What to do:
Print each line from the start of the records below up through the line where "#101=IFCINDEXEDPOLYGONALFACE((67,71,72,68));" is found, exactly as given.

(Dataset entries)
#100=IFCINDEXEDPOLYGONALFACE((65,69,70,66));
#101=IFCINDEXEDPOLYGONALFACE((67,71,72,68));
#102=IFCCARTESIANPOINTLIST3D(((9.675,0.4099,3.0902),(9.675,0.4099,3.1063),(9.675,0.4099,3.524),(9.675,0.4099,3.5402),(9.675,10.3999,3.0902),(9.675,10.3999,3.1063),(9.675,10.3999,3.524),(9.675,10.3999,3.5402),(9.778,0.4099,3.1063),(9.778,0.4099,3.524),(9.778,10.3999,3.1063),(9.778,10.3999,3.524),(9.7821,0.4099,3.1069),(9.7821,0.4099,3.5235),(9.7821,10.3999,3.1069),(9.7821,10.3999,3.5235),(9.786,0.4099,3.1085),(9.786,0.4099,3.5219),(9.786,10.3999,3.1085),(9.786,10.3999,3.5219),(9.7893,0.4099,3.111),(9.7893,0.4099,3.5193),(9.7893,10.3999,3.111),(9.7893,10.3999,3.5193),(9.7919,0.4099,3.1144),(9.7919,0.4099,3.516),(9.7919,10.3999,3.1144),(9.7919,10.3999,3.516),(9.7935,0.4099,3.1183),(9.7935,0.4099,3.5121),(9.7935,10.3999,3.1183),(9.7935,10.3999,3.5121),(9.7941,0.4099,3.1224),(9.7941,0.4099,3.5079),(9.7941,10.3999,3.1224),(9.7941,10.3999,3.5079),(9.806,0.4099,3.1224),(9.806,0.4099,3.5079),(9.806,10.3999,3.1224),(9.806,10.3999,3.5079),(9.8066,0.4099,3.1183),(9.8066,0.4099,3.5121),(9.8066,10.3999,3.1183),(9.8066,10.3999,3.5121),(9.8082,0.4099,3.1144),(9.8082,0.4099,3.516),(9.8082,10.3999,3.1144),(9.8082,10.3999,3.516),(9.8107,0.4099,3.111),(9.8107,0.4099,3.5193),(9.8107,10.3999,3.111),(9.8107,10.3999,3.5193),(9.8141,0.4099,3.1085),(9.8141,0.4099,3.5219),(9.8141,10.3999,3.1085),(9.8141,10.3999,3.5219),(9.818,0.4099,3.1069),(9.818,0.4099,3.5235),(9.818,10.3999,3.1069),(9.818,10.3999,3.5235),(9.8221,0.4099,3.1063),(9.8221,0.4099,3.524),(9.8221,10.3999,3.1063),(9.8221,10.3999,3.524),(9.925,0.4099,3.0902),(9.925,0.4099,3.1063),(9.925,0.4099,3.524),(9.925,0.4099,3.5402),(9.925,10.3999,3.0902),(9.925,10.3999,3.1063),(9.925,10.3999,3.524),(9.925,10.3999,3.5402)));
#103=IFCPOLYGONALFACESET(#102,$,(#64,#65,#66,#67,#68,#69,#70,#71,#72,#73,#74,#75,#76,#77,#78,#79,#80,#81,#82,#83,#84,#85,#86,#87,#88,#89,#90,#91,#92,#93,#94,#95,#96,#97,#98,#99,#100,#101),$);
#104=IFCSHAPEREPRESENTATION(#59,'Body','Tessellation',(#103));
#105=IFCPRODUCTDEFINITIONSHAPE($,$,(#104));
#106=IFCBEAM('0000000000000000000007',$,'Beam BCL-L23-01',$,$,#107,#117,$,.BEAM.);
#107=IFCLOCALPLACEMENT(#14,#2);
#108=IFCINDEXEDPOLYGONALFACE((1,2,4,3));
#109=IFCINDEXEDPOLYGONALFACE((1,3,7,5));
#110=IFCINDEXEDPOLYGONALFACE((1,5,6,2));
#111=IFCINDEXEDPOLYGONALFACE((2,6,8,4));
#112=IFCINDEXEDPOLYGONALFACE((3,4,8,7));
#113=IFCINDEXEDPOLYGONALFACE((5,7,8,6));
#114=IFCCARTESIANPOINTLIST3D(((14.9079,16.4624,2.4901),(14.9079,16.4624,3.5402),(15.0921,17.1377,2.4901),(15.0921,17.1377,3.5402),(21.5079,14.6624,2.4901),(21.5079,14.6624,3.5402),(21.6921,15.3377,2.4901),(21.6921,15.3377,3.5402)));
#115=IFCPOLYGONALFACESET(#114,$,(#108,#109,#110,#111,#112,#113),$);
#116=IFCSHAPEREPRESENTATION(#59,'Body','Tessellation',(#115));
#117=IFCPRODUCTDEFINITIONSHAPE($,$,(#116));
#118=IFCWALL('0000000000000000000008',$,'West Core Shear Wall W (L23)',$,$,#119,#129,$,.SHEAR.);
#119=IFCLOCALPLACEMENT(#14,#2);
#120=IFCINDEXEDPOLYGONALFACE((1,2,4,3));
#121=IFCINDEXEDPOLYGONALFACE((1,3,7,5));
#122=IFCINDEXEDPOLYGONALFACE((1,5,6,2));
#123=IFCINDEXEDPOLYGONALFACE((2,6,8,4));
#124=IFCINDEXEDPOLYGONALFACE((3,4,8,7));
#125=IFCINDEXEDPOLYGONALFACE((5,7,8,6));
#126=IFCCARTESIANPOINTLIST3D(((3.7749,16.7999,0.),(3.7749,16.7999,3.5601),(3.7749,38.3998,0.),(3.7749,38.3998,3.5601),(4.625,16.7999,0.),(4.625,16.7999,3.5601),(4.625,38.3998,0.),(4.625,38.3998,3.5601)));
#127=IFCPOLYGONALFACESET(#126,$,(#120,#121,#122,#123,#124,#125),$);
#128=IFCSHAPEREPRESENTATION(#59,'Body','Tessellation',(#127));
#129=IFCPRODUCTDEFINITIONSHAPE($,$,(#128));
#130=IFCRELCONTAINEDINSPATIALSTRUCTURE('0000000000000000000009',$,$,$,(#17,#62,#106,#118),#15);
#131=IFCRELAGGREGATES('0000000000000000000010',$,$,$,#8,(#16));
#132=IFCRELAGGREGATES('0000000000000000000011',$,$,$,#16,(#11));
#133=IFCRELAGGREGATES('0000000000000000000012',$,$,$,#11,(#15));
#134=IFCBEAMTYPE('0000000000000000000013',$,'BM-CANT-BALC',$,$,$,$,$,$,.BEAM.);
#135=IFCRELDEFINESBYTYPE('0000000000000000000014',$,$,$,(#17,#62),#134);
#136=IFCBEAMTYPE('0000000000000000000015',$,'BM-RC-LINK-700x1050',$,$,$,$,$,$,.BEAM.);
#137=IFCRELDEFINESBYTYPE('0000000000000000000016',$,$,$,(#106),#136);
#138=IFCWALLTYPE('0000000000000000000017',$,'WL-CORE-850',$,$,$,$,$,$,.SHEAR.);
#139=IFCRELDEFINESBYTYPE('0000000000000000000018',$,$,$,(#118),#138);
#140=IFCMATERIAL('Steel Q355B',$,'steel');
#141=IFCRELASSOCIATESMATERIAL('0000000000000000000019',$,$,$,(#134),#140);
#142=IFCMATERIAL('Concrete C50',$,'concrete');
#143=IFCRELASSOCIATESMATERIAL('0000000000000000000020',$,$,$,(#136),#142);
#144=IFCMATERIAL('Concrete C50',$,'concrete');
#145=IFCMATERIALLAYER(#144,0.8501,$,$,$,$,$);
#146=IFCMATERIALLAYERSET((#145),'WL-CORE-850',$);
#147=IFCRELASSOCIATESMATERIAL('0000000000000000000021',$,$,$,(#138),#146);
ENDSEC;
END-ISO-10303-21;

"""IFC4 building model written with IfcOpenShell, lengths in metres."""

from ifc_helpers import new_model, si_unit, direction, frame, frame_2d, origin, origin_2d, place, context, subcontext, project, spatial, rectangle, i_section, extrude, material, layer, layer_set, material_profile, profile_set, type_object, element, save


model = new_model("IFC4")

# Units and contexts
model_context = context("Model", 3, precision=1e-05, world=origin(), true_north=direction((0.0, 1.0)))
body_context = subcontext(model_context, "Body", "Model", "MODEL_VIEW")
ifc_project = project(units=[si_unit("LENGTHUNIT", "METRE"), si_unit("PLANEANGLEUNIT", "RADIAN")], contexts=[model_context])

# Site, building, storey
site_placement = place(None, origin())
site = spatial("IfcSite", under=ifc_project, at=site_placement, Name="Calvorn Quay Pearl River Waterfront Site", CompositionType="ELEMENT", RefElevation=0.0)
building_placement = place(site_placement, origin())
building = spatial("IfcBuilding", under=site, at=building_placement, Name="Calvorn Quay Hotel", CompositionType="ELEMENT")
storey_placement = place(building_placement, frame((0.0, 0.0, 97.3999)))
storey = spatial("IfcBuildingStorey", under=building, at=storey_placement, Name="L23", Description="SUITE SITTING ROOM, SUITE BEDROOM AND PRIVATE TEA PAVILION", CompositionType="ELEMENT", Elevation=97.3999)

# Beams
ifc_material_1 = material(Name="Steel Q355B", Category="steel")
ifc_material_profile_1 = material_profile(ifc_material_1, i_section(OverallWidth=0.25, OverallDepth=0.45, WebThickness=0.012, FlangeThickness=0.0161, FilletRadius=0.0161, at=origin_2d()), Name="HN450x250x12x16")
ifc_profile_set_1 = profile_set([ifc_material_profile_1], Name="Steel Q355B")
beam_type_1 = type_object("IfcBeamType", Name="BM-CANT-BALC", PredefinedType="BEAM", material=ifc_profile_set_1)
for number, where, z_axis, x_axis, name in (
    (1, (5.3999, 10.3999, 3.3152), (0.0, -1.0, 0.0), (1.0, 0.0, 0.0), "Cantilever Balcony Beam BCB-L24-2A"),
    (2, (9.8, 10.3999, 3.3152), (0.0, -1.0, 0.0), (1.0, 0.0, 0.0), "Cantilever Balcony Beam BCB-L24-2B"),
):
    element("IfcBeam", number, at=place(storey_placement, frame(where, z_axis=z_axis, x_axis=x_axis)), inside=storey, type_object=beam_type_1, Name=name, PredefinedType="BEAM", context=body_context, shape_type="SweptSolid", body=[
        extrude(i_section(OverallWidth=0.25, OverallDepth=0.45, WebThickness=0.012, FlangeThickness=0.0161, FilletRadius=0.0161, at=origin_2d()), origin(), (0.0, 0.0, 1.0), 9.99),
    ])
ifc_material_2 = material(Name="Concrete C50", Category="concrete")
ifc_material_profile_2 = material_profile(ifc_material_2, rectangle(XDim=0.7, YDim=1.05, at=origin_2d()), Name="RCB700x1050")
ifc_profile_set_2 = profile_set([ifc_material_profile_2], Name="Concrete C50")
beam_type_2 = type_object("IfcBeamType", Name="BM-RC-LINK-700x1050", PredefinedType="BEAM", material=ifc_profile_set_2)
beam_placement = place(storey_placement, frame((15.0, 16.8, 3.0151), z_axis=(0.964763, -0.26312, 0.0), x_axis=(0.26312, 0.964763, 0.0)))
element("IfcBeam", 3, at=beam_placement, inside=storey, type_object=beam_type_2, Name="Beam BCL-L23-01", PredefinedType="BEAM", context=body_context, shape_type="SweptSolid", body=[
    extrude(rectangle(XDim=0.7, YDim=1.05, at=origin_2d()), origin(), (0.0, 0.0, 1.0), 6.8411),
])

Answer box:
#100=IFCINDEXEDPOLYGONALFACE((65,69,70,66));
#101=IFCINDEXEDPOLYGONALFACE((67,71,72,68));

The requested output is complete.